What you should do:
Among the entries below, find the lines holding "IFCRELAGGREGATES" and copy them.

(Given data)

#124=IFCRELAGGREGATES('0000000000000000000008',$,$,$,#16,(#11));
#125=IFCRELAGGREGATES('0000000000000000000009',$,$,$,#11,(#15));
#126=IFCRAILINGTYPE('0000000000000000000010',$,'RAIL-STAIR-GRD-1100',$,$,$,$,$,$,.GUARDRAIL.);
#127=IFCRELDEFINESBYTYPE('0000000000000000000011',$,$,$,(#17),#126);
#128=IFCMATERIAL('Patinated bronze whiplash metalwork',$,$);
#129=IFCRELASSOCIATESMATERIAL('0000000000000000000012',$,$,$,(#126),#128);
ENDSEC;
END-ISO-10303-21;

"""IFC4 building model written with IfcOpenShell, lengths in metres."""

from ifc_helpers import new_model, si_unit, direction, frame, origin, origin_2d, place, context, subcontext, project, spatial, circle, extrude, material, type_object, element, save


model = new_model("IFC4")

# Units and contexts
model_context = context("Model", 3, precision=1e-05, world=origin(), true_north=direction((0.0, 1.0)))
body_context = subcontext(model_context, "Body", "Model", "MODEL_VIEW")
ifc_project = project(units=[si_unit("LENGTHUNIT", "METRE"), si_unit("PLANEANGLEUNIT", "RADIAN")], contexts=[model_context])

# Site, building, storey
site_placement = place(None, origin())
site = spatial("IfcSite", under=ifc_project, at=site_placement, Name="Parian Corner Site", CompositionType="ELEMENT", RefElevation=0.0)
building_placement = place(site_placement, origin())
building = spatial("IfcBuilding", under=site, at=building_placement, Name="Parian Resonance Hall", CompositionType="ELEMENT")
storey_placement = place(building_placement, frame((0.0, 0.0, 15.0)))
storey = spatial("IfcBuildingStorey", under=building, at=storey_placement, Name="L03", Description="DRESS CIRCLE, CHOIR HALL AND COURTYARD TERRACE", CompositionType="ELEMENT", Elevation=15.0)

(End Given data)

Result of the exercise:
#124=IFCRELAGGREGATES('0000000000000000000008',$,$,$,#16,(#11));
#125=IFCRELAGGREGATES('0000000000000000000009',$,$,$,#11,(#15));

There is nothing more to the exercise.